> [Exercise]
Could you print, exactly as they stand, the lines from the one holding "#42=IFCINDEXEDPOLYGONALFACE((5,7,8,6));" to the end of the data below, and nothing more?

> [Data shown]
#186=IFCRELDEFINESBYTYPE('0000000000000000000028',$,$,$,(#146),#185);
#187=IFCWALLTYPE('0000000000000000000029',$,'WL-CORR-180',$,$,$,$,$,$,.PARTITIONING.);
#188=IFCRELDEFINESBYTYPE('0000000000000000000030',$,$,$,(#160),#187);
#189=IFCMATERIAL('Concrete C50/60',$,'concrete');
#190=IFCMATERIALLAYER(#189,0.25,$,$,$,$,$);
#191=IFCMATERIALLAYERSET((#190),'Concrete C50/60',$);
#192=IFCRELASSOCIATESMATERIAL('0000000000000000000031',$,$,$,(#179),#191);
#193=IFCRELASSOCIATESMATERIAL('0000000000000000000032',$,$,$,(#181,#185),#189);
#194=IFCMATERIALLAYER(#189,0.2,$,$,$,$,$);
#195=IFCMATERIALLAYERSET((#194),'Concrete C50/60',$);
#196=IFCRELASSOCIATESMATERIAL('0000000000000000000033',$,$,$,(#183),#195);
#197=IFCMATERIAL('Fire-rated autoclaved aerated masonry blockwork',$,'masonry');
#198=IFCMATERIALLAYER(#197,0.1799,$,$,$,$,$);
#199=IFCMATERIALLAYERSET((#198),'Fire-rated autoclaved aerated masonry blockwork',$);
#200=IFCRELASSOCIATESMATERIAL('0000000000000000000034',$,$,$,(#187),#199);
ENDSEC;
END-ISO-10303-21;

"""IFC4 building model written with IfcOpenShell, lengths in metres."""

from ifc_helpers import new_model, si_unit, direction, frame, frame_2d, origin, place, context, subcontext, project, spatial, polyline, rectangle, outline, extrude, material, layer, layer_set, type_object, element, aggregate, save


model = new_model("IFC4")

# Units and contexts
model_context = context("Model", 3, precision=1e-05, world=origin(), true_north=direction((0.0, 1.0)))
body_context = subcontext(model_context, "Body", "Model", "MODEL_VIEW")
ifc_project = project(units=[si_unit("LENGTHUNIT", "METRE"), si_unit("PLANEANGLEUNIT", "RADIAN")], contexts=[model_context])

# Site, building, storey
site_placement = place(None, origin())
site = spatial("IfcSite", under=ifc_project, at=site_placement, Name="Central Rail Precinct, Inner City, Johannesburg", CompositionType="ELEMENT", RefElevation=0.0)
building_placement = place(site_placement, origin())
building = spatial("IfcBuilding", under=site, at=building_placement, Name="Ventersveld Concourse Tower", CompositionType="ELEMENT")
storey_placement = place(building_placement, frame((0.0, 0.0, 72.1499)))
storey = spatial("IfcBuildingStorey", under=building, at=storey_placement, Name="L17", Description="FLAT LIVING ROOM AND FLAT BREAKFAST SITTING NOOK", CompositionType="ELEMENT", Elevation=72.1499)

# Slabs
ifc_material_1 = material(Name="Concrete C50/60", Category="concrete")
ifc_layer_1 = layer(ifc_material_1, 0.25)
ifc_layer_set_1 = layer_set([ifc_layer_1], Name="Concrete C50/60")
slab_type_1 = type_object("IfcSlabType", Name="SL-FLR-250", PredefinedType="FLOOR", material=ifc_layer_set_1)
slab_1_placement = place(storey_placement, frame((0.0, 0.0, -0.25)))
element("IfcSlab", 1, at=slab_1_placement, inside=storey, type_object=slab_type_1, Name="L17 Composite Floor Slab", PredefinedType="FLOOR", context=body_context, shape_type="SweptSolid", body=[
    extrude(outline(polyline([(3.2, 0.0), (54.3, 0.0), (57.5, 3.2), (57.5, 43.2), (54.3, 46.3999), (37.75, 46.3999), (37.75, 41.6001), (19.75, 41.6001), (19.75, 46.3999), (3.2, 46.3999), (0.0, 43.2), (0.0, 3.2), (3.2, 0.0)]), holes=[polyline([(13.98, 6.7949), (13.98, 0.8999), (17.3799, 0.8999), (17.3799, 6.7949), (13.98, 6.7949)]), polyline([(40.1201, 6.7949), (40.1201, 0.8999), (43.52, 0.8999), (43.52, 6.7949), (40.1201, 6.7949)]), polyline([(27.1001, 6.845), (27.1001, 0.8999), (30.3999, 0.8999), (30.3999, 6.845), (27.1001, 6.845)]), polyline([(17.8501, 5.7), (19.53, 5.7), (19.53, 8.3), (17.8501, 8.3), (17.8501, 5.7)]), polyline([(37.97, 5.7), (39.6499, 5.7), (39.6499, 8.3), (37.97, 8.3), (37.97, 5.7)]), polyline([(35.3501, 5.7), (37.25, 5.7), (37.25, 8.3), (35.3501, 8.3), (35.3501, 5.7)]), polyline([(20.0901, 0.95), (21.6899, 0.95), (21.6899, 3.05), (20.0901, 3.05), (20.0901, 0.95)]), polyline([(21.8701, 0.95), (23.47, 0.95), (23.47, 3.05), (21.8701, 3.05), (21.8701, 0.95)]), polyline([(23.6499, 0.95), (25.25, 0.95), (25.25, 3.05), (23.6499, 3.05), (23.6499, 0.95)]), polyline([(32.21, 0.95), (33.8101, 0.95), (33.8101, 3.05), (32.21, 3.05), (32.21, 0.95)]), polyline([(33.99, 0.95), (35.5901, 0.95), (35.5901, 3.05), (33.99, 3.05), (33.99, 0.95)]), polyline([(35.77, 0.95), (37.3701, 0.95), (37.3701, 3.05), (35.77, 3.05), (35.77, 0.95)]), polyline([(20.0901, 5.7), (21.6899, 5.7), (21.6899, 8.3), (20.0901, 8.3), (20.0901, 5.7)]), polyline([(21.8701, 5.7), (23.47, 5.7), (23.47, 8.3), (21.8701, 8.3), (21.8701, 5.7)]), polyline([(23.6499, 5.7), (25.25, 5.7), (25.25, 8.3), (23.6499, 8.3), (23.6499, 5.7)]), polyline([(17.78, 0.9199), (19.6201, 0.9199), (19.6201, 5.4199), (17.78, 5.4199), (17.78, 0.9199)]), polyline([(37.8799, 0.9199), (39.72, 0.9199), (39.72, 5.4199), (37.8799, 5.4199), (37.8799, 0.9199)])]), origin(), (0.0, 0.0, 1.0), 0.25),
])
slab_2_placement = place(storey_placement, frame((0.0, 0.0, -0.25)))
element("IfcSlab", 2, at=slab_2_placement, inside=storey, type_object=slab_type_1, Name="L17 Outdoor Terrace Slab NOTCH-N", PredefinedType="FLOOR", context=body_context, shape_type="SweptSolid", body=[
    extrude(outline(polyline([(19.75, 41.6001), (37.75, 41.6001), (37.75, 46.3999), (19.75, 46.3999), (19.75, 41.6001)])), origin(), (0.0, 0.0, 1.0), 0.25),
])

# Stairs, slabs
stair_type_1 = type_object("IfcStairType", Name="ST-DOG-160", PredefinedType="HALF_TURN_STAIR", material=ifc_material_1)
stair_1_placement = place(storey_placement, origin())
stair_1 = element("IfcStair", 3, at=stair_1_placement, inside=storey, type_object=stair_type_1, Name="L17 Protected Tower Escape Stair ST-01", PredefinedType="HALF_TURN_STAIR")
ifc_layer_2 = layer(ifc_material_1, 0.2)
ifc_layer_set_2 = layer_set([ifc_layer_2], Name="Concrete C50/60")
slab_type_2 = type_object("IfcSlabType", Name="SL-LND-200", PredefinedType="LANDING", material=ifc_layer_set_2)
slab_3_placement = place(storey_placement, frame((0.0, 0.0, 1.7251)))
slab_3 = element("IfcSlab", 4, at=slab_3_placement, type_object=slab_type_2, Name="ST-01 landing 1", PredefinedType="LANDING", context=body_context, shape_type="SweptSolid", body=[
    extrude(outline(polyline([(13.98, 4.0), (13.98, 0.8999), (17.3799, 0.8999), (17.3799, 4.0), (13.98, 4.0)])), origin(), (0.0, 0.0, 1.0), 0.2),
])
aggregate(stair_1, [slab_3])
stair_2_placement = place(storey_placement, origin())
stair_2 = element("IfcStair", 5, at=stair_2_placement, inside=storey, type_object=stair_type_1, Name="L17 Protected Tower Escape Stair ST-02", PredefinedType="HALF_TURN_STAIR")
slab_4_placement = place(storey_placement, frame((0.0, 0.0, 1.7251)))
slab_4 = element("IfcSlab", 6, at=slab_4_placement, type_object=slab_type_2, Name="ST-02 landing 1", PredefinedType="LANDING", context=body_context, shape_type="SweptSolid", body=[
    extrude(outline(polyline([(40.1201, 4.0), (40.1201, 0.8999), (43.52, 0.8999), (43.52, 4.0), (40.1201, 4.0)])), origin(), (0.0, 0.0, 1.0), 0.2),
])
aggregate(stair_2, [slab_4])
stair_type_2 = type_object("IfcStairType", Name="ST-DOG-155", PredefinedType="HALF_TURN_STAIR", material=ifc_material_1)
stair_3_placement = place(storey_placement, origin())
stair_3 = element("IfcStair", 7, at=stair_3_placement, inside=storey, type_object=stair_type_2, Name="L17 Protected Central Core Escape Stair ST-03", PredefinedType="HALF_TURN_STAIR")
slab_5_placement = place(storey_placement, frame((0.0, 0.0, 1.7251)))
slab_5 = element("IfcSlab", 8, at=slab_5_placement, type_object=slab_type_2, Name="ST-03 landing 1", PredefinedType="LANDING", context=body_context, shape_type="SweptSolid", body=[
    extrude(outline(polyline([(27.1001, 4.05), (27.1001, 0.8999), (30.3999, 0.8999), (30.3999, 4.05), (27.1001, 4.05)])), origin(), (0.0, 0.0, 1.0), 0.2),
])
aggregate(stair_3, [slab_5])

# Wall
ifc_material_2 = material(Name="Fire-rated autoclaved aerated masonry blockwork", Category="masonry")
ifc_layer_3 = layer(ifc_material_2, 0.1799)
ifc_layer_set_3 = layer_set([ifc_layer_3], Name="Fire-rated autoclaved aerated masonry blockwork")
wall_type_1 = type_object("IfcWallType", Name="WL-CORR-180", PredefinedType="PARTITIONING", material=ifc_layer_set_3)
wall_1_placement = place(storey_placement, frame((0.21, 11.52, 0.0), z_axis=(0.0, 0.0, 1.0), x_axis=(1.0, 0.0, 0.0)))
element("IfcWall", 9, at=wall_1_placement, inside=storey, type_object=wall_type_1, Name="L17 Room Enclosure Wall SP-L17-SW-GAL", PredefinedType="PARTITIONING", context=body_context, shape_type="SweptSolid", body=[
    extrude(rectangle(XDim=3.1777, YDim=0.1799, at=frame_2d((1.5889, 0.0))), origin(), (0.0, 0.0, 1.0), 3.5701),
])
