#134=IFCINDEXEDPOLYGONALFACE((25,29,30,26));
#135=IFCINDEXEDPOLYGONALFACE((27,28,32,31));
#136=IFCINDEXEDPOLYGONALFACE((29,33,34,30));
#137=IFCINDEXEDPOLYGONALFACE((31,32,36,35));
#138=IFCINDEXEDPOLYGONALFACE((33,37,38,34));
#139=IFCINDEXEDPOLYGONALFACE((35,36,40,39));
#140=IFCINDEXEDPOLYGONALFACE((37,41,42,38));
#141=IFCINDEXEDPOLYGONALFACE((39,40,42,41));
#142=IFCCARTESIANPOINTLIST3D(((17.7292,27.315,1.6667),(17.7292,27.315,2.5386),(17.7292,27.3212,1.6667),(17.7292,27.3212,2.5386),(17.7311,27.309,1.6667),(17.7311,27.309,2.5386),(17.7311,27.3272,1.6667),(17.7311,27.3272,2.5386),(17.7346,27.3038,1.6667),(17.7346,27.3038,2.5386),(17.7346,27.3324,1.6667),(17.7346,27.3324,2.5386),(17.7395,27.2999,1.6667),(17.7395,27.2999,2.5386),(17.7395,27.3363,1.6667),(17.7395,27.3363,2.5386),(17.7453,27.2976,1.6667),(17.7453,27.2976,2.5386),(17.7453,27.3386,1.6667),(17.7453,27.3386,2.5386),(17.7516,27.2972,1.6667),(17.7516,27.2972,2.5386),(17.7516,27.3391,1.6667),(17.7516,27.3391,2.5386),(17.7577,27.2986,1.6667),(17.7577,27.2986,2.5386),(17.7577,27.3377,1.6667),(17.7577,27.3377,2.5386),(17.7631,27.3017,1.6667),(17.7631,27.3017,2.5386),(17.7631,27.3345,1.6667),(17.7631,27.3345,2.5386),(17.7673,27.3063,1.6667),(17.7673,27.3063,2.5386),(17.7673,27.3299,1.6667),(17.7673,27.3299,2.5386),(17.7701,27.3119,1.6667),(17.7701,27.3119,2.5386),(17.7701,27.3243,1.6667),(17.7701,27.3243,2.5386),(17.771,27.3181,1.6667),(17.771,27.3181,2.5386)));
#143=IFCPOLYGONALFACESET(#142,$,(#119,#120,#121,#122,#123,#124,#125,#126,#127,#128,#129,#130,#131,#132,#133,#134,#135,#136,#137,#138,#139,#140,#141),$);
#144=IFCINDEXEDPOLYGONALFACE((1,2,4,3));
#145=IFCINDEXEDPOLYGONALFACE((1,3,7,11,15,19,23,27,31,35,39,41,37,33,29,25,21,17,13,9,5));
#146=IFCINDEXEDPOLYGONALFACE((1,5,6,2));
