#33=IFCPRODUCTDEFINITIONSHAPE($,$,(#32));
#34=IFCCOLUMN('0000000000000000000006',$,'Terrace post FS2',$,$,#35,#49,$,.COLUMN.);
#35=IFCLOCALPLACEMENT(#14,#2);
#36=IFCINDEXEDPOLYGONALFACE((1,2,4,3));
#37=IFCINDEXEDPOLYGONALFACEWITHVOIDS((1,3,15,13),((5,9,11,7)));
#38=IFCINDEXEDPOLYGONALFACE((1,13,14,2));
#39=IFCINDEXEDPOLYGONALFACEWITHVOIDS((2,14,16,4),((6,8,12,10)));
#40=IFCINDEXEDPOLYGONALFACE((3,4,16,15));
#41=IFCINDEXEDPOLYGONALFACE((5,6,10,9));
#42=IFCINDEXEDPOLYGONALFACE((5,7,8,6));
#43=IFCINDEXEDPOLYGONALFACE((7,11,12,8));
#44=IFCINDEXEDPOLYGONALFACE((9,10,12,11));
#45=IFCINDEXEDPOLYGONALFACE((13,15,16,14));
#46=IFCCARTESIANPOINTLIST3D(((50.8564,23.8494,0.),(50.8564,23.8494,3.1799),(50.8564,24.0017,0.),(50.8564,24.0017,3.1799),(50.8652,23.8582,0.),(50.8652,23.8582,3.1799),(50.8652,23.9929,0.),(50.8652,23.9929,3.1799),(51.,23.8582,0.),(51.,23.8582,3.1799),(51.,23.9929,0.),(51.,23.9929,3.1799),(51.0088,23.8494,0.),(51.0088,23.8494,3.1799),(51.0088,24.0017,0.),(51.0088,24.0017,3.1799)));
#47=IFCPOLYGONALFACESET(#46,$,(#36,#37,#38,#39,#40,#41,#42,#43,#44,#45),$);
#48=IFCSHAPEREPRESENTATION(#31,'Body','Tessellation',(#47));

> [Output]
#42=IFCINDEXEDPOLYGONALFACE((5,7,8,6));
#43=IFCINDEXEDPOLYGONALFACE((7,11,12,8));
#44=IFCINDEXEDPOLYGONALFACE((9,10,12,11));
#45=IFCINDEXEDPOLYGONALFACE((13,15,16,14));
#46=IFCCARTESIANPOINTLIST3D(((50.8564,23.8494,0.),(50.8564,23.8494,3.1799),(50.8564,24.0017,0.),(50.8564,24.0017,3.1799),(50.8652,23.8582,0.),(50.8652,23.8582,3.1799),(50.8652,23.9929,0.),(50.8652,23.9929,3.1799),(51.,23.8582,0.),(51.,23.8582,3.1799),(51.,23.9929,0.),(51.,23.9929,3.1799),(51.0088,23.8494,0.),(51.0088,23.8494,3.1799),(51.0088,24.0017,0.),(51.0088,24.0017,3.1799)));
#47=IFCPOLYGONALFACESET(#46,$,(#36,#37,#38,#39,#40,#41,#42,#43,#44,#45),$);
#48=IFCSHAPEREPRESENTATION(#31,'Body','Tessellation',(#47));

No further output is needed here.